• _Exercise prompt_
Both the line containing "#63=IFCINDEXEDPOLYGONALFACE((37,41,42,38));" and the line containing "#64=IFCINDEXEDPOLYGONALFACE((39,40,42,41));" belong to the span. Output exactly that span from the listing below, and nothing outside it.

• _Extracted entries_
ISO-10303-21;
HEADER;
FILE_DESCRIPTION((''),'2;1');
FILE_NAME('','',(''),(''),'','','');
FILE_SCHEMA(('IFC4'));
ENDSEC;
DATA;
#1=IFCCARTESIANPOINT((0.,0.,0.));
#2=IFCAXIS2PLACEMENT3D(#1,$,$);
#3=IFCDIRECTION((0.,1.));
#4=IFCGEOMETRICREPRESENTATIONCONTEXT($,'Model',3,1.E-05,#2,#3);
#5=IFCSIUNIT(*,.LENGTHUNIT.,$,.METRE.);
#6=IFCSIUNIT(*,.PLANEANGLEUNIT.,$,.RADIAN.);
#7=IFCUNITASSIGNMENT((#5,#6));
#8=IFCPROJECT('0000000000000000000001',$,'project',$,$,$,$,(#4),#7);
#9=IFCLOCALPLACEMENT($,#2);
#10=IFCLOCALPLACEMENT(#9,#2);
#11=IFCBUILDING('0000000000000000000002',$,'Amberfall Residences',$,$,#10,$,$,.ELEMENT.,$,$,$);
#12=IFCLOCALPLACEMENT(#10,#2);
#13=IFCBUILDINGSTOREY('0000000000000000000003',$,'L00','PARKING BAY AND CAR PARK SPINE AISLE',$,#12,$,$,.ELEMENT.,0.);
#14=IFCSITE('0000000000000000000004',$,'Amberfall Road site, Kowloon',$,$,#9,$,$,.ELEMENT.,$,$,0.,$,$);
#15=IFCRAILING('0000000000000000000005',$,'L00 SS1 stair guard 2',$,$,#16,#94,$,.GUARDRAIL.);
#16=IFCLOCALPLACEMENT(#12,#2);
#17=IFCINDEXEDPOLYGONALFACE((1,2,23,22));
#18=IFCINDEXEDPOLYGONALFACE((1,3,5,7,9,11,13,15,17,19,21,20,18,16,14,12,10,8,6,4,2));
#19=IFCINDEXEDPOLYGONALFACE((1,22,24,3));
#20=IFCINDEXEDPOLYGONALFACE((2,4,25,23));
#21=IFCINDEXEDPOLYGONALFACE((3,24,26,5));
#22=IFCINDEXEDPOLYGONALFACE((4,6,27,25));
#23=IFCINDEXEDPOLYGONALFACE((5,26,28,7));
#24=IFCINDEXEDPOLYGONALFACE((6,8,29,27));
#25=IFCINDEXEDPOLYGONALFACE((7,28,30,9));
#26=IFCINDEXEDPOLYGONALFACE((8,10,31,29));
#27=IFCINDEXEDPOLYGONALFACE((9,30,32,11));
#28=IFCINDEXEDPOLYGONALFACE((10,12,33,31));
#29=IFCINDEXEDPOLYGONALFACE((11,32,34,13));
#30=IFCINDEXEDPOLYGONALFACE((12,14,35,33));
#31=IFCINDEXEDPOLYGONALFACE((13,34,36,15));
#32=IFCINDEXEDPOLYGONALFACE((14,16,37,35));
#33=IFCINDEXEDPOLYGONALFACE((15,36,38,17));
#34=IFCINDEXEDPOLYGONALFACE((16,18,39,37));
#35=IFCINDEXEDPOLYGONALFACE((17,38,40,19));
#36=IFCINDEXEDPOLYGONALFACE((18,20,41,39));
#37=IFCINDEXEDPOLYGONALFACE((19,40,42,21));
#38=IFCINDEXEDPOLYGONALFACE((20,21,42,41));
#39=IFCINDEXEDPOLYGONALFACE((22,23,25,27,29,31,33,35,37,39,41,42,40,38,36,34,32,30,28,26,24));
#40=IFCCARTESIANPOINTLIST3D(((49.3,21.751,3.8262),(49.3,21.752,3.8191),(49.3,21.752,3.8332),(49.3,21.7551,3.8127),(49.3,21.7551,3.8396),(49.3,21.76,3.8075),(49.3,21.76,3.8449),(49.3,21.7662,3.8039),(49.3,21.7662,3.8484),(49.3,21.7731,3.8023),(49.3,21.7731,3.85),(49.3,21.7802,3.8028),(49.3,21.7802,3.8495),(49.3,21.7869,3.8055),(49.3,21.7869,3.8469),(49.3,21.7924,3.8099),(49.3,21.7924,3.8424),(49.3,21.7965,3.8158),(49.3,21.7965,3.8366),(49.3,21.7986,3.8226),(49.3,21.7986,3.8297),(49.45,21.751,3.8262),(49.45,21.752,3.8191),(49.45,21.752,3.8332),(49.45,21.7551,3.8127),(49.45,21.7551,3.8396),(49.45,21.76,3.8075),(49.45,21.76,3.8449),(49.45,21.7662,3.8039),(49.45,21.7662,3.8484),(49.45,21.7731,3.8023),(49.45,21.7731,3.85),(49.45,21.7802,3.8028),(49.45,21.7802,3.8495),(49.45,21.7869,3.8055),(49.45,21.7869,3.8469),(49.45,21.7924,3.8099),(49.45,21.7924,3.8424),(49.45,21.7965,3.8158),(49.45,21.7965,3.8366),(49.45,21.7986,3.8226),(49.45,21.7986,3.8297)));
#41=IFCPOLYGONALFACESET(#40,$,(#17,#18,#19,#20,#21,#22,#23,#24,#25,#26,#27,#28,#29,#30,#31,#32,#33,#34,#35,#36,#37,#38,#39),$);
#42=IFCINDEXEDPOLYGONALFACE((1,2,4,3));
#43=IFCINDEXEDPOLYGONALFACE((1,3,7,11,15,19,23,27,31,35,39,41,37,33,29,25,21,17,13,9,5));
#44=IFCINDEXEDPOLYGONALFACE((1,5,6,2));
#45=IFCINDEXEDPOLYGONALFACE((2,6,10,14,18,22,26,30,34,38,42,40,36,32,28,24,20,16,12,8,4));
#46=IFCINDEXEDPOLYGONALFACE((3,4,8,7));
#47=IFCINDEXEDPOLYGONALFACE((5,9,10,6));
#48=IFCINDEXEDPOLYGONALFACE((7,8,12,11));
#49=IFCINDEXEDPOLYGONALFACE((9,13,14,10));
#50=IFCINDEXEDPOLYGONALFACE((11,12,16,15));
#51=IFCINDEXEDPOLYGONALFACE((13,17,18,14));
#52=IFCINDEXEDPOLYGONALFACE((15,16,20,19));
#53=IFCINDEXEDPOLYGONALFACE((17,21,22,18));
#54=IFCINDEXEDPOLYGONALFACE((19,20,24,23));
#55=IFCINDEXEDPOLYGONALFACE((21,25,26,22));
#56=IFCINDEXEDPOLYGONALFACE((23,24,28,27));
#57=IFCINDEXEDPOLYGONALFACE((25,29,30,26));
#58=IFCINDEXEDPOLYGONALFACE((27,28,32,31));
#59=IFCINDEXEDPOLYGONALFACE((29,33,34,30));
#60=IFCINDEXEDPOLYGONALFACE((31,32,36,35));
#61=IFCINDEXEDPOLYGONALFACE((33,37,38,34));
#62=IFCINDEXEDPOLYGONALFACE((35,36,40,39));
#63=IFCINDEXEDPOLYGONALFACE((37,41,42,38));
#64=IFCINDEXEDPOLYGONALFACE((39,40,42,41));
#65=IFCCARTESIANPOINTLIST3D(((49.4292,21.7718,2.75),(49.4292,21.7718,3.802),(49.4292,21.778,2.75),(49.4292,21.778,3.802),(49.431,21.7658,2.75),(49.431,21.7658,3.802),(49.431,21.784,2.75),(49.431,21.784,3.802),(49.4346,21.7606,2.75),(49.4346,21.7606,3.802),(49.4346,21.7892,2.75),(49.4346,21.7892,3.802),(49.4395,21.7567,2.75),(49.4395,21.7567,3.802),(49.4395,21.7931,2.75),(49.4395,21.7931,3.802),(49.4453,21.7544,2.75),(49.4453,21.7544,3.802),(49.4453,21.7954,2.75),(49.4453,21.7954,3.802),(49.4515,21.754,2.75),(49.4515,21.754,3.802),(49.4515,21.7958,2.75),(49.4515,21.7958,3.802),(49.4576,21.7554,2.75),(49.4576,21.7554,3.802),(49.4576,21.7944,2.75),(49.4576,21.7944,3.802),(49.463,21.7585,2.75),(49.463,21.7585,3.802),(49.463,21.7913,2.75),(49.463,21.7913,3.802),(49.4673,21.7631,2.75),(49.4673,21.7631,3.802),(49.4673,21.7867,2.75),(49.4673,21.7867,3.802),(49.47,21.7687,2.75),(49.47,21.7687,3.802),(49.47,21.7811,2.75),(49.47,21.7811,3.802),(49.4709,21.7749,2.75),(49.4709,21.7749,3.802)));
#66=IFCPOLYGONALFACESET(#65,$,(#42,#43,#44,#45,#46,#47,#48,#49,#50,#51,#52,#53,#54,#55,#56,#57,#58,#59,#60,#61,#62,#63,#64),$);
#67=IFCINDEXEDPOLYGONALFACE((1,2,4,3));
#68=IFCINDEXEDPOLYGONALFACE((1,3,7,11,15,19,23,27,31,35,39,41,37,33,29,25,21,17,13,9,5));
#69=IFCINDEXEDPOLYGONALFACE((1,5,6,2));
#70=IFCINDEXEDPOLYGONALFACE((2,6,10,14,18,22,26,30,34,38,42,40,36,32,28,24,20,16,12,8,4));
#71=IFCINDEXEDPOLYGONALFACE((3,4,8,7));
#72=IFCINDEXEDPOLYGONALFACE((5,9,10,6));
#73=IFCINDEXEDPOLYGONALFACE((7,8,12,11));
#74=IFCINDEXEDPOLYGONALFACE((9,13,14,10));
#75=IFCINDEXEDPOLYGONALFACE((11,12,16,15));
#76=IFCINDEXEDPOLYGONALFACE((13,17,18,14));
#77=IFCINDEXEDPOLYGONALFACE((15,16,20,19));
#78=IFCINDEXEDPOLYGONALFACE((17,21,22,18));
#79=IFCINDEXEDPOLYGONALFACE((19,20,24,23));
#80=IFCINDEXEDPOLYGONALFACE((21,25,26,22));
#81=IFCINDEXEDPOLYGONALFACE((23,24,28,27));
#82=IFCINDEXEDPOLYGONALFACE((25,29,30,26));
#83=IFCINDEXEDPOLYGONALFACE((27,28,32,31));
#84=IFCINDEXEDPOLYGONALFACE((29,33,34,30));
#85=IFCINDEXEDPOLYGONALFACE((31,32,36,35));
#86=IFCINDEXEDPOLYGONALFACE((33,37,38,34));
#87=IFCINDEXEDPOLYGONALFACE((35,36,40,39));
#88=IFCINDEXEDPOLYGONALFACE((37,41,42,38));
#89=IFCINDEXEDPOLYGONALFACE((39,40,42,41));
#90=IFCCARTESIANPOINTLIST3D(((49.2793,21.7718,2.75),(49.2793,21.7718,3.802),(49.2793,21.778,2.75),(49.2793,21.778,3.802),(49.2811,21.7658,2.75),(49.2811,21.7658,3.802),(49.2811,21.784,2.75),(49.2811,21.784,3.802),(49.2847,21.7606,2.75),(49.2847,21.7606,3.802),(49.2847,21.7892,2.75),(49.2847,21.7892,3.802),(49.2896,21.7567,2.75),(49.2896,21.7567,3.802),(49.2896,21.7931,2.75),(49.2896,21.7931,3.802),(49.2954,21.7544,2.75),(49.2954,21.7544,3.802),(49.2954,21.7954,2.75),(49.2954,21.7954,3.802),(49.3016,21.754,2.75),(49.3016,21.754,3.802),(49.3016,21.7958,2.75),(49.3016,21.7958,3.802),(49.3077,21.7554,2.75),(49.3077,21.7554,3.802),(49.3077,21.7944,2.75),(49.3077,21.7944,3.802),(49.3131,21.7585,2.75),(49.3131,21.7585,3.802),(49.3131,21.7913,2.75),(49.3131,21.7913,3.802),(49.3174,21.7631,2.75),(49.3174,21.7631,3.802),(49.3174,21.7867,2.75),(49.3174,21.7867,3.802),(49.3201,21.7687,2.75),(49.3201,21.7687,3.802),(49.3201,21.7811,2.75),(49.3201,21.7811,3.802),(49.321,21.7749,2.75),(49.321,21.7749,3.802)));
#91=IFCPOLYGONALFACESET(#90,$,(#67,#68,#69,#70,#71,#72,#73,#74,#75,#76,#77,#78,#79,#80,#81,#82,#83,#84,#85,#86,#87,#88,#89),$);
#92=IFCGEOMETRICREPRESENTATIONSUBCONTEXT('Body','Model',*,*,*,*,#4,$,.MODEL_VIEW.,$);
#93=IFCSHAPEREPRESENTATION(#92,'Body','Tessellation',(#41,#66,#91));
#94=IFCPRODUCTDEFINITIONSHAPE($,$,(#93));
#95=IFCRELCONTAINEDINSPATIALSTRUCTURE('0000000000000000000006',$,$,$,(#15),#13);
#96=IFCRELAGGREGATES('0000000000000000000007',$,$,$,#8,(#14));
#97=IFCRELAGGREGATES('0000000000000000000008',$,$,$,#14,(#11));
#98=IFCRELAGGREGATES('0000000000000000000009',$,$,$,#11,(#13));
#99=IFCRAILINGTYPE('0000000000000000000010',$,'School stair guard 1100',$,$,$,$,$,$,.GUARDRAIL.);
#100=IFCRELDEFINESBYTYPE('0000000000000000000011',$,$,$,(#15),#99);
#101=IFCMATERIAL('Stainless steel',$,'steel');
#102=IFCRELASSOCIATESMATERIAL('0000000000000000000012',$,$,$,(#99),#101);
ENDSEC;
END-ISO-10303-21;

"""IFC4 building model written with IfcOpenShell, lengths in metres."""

from ifc_helpers import new_model, si_unit, direction, frame, origin, origin_2d, place, context, subcontext, project, spatial, circle, extrude, material, type_object, element, save


model = new_model("IFC4")

# Units and contexts
model_context = context("Model", 3, precision=1e-05, world=origin(), true_north=direction((0.0, 1.0)))
body_context = subcontext(model_context, "Body", "Model", "MODEL_VIEW")
ifc_project = project(units=[si_unit("LENGTHUNIT", "METRE"), si_unit("PLANEANGLEUNIT", "RADIAN")], contexts=[model_context])

# Site, building, storey
site_placement = place(None, origin())
site = spatial("IfcSite", under=ifc_project, at=site_placement, Name="Amberfall Road site, Kowloon", CompositionType="ELEMENT", RefElevation=0.0)
building_placement = place(site_placement, origin())
building = spatial("IfcBuilding", under=site, at=building_placement, Name="Amberfall Residences", CompositionType="ELEMENT")
storey_placement = place(building_placement, origin())
storey = spatial("IfcBuildingStorey", under=building, at=storey_placement, Name="L00", Description="PARKING BAY AND CAR PARK SPINE AISLE", CompositionType="ELEMENT", Elevation=0.0)

# Railing
ifc_material_1 = material(Name="Stainless steel", Category="steel")
railing_type_1 = type_object("IfcRailingType", Name="School stair guard 1100", PredefinedType="GUARDRAIL", material=ifc_material_1)
railing_1_placement = place(storey_placement, frame((49.45, 21.7749, 2.75)))
element("IfcRailing", 1, at=railing_1_placement, inside=storey, type_object=railing_type_1, Name="L00 SS1 stair guard 2", PredefinedType="GUARDRAIL", context=body_context, shape_type="SweptSolid", body=[
    extrude(circle(Radius=0.0239, at=origin_2d()), frame((0.0, 0.0, 1.0762), z_axis=(-1.0, 0.0, 0.0), x_axis=(0.0, -1.0, 0.0)), (0.0, 0.0, 1.0), 0.1499),
    extrude(circle(Radius=0.021, at=origin_2d()), origin(), (0.0, 0.0, 1.0), 1.052),
    extrude(circle(Radius=0.021, at=origin_2d()), frame((-0.1499, 0.0, 0.0)), (0.0, 0.0, 1.0), 1.052),
])

save(model, "model.ifc")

• _Solved problem_
#63=IFCINDEXEDPOLYGONALFACE((37,41,42,38));
#64=IFCINDEXEDPOLYGONALFACE((39,40,42,41));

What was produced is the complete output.